• [What to work on]: In the records that follow, the lines from the one containing "#4=IFCGEOMETRICREPRESENTATIONCONTEXT($,'Model',3,1.E-05,#2,#3);" to the one containing "#14=IFCLOCALPLACEMENT(#10,#13);", inclusive, are to be given again exactly.
Material to process: Begin
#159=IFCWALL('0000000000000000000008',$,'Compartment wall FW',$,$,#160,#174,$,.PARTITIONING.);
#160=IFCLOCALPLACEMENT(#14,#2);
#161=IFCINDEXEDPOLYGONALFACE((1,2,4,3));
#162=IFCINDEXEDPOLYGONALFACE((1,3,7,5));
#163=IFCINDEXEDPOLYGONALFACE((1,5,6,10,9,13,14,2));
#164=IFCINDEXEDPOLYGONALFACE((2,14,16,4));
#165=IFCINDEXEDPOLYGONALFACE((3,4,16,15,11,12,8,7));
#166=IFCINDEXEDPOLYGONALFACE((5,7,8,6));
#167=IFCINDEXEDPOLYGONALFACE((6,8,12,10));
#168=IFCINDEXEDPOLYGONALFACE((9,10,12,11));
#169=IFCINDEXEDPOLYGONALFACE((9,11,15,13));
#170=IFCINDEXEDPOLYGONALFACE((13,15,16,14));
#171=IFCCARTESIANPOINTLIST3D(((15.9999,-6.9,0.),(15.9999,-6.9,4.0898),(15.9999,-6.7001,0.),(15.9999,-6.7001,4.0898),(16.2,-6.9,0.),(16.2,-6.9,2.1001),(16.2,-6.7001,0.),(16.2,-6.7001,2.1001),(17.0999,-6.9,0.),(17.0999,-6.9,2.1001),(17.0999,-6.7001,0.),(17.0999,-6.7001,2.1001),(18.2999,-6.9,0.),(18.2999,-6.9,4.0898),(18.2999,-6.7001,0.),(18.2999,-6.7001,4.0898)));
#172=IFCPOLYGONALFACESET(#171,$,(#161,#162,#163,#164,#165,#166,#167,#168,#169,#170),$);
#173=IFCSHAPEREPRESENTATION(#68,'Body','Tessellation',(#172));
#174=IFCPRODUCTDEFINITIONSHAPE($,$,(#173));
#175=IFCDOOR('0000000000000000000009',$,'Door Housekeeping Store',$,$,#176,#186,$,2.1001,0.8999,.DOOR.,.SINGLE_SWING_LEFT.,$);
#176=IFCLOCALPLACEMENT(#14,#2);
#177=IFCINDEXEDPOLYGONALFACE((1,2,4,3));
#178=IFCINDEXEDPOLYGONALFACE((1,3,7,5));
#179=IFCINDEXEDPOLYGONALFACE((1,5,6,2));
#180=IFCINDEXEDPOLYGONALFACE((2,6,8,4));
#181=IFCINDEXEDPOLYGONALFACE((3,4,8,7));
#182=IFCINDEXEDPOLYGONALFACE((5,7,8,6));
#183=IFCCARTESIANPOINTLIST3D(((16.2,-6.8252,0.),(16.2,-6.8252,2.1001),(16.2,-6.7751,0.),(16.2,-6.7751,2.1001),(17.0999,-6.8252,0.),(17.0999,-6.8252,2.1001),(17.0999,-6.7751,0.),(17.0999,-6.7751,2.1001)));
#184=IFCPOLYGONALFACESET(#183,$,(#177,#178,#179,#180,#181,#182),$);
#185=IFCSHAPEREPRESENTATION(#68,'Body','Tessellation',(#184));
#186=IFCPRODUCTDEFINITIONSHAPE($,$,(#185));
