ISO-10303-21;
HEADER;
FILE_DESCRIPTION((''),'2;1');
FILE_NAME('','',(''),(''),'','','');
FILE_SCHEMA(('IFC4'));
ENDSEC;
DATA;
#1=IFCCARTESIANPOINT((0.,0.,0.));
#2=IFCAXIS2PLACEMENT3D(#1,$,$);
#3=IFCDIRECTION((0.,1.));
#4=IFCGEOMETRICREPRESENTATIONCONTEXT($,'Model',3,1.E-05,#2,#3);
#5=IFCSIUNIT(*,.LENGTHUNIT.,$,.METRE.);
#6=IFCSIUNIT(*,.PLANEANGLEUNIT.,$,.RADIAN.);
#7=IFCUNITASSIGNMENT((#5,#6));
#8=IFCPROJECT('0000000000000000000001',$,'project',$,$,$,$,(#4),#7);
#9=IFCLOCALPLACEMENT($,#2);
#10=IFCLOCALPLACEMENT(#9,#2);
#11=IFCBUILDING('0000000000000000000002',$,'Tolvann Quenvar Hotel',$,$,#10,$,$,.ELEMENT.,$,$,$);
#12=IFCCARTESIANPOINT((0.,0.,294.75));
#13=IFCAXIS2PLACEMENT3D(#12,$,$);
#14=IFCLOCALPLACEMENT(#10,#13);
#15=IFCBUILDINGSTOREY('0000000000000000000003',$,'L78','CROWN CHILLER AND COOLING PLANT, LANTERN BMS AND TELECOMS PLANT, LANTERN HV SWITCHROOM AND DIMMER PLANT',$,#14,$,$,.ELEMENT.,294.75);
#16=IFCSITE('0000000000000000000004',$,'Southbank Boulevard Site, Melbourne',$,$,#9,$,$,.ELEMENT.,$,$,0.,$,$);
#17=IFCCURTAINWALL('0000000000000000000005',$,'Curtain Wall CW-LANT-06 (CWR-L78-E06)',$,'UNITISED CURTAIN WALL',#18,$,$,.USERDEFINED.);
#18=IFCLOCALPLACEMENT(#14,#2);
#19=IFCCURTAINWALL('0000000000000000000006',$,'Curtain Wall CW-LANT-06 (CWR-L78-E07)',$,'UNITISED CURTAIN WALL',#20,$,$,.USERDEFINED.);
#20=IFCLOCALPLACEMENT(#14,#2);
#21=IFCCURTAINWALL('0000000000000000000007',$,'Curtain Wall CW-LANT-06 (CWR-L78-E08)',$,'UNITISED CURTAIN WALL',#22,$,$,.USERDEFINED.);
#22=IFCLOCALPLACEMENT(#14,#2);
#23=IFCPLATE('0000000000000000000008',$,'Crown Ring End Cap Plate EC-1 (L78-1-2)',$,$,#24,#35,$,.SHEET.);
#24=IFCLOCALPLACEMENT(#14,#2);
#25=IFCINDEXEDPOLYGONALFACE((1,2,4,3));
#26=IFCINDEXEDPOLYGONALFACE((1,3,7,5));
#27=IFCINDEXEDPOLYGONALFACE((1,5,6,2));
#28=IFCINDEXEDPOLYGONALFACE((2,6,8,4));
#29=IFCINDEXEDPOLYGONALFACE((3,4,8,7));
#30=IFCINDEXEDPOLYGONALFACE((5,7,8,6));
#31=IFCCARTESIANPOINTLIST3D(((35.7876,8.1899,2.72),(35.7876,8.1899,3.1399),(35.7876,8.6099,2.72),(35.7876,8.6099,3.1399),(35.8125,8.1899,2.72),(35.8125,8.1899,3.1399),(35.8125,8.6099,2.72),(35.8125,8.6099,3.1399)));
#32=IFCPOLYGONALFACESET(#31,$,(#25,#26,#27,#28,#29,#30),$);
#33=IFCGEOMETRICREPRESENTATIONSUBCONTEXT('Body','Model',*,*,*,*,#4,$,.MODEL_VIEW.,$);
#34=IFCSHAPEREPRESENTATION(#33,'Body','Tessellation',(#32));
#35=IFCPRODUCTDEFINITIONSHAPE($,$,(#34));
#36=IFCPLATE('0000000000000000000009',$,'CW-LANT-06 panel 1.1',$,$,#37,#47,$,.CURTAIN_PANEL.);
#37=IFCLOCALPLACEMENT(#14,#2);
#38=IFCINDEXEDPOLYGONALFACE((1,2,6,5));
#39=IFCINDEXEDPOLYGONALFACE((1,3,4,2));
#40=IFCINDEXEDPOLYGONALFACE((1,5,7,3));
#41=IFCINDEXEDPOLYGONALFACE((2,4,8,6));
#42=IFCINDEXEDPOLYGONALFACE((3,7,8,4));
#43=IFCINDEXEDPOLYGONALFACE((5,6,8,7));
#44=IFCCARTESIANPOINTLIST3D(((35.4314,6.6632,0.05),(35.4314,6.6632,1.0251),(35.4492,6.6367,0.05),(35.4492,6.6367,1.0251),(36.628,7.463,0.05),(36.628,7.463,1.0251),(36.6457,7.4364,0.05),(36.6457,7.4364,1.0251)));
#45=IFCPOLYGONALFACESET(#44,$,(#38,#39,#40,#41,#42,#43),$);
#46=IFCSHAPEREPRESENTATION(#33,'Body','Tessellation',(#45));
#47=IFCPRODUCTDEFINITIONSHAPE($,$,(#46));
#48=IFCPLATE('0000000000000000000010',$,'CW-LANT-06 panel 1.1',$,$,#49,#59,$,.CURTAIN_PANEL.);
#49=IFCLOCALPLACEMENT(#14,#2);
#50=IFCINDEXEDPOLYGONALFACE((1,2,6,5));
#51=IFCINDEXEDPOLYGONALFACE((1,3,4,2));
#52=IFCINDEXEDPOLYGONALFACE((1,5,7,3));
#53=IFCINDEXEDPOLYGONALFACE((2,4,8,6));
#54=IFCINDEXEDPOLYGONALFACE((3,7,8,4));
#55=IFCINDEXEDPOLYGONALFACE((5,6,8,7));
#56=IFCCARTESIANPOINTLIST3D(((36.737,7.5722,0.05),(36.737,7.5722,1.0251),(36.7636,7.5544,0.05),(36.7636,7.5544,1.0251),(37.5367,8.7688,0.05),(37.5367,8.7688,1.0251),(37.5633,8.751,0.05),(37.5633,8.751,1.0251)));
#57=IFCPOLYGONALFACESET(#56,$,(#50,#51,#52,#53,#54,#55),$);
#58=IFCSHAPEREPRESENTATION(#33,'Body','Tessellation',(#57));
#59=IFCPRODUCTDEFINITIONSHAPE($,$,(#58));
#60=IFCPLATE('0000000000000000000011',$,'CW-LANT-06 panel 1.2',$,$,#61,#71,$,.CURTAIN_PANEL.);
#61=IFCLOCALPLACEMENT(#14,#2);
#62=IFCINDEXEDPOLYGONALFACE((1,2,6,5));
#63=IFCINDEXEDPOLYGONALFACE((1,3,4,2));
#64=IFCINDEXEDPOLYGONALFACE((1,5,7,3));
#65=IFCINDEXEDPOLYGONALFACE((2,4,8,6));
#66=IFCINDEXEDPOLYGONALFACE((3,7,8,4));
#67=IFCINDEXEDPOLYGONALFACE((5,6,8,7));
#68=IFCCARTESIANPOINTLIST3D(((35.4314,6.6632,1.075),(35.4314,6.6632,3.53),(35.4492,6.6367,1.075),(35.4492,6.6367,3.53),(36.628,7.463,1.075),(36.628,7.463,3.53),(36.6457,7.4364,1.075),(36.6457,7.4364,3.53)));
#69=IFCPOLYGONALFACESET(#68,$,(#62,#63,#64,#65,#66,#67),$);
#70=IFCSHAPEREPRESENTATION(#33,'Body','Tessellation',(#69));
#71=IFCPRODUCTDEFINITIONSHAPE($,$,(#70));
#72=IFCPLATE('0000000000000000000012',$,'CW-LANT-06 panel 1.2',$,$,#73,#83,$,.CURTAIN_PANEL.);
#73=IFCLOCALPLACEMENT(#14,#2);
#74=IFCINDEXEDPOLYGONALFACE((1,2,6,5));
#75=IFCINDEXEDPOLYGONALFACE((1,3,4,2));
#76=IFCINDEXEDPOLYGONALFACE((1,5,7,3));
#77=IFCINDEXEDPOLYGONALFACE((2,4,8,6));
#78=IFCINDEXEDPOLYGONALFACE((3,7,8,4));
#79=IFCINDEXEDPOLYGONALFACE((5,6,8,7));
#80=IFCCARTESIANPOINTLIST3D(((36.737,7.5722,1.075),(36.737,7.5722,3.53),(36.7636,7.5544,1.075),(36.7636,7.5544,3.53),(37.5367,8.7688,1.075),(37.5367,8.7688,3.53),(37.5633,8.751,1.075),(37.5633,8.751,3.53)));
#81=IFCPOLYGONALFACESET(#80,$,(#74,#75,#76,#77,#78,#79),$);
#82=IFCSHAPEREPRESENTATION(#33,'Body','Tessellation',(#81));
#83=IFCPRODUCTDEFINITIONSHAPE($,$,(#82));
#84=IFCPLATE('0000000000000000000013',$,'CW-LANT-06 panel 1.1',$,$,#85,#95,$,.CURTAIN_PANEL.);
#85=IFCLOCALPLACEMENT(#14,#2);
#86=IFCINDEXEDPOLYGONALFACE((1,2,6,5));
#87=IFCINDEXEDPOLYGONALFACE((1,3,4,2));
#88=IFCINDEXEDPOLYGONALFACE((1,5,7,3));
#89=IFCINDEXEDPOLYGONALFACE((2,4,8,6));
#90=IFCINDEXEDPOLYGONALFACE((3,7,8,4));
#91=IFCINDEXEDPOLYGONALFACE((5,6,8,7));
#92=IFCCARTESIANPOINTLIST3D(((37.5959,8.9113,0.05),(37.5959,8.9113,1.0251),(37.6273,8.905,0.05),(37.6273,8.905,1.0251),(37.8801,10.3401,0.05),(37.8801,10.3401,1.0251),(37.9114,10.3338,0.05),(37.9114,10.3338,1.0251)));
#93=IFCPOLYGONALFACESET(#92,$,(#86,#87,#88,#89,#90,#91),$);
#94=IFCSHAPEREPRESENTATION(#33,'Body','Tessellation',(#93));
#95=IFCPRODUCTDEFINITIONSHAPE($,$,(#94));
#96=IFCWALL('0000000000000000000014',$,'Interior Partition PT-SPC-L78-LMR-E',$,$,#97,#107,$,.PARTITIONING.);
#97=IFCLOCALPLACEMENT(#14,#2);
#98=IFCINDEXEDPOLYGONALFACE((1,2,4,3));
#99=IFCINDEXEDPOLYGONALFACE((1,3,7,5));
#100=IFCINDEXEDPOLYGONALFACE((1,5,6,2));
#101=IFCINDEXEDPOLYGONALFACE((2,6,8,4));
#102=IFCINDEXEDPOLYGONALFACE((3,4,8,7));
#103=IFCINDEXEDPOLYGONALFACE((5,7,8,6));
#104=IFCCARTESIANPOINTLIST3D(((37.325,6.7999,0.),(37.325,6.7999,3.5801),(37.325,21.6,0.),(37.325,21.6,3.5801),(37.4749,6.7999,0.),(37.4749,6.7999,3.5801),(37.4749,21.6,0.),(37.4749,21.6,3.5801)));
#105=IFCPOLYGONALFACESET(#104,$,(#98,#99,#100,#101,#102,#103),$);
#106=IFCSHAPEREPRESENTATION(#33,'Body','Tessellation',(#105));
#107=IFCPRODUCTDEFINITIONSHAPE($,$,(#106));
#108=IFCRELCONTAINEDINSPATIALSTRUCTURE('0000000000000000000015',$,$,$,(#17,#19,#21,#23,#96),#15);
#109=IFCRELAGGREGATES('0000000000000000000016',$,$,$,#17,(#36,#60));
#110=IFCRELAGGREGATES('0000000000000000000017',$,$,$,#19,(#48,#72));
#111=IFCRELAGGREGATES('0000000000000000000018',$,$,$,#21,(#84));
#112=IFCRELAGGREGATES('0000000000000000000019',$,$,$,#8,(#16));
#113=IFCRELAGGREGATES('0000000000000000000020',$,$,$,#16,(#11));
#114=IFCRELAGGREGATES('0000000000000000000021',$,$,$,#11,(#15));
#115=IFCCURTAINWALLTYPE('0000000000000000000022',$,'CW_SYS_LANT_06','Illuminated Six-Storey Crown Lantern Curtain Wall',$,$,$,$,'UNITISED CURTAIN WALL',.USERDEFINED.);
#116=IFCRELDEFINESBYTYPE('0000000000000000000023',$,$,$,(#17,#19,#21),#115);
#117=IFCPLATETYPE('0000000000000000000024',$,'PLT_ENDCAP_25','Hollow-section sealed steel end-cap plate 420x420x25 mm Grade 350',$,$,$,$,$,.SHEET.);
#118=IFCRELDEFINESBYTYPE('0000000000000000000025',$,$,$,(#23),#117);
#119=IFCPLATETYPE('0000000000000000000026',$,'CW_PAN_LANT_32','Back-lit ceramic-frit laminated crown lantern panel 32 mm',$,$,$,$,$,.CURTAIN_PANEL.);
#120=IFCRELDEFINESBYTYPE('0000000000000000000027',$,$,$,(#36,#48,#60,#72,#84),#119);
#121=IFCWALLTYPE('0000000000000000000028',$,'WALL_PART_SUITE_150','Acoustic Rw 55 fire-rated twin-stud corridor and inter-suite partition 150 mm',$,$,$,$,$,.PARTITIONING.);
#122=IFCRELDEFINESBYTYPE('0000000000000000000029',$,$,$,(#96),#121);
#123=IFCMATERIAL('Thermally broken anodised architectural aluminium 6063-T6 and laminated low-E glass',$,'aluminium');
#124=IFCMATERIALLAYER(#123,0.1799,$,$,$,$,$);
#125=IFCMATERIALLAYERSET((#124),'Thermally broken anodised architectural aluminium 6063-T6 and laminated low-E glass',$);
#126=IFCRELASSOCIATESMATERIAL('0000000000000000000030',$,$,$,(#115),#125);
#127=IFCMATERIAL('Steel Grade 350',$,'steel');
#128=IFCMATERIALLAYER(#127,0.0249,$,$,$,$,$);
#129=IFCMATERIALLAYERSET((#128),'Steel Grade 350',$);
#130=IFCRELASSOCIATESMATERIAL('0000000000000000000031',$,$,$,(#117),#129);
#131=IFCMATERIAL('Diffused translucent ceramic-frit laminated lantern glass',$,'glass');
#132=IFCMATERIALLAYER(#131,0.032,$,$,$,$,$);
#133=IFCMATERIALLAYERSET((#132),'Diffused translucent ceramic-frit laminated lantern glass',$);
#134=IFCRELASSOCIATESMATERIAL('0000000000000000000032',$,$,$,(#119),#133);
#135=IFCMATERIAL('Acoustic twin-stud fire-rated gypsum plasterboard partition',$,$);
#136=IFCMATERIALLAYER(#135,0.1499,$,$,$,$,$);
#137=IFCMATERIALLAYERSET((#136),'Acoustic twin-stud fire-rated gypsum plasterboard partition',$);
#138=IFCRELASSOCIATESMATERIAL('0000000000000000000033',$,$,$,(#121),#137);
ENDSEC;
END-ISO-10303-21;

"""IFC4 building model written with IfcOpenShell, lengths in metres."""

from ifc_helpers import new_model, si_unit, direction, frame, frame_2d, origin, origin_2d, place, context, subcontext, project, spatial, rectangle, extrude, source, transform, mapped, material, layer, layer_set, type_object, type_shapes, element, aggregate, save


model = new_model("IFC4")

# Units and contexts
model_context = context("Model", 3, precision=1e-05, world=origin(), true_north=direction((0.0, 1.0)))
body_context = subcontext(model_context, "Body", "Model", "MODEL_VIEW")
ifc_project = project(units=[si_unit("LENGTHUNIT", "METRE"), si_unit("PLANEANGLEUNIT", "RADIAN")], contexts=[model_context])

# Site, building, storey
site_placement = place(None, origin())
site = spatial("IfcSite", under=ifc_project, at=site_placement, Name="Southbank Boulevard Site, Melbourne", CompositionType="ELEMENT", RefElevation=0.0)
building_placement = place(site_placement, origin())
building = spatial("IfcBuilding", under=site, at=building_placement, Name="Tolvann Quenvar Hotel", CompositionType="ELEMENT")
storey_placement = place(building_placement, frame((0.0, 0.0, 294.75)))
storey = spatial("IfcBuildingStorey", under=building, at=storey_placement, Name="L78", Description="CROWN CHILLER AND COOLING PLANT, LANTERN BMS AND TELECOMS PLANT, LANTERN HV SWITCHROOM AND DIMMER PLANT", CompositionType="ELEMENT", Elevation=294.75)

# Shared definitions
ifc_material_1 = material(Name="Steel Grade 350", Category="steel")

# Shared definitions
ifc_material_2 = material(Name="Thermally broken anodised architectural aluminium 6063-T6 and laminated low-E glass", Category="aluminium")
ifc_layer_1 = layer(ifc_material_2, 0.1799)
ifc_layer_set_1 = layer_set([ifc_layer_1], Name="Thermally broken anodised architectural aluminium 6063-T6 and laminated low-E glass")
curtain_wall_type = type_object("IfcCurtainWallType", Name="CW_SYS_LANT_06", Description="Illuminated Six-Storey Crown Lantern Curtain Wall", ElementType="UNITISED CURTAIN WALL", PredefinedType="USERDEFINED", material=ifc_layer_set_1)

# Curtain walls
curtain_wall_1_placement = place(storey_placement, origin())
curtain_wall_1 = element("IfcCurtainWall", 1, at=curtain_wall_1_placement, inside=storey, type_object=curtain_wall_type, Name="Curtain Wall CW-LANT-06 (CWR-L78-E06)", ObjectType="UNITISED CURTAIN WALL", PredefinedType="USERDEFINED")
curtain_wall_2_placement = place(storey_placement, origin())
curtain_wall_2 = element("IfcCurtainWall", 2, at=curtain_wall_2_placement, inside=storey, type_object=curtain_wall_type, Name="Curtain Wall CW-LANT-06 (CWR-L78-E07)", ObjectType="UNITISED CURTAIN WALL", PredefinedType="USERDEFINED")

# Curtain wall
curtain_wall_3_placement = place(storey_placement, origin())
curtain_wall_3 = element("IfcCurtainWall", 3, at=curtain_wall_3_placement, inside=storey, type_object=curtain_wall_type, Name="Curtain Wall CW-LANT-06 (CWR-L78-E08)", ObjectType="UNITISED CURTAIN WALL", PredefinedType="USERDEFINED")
Material to process: End
• [Your response]:
#4=IFCGEOMETRICREPRESENTATIONCONTEXT($,'Model',3,1.E-05,#2,#3);
#5=IFCSIUNIT(*,.LENGTHUNIT.,$,.METRE.);
#6=IFCSIUNIT(*,.PLANEANGLEUNIT.,$,.RADIAN.);
#7=IFCUNITASSIGNMENT((#5,#6));
#8=IFCPROJECT('0000000000000000000001',$,'project',$,$,$,$,(#4),#7);
#9=IFCLOCALPLACEMENT($,#2);
#10=IFCLOCALPLACEMENT(#9,#2);
#11=IFCBUILDING('0000000000000000000002',$,'Tolvann Quenvar Hotel',$,$,#10,$,$,.ELEMENT.,$,$,$);
#12=IFCCARTESIANPOINT((0.,0.,294.75));
#13=IFCAXIS2PLACEMENT3D(#12,$,$);
#14=IFCLOCALPLACEMENT(#10,#13);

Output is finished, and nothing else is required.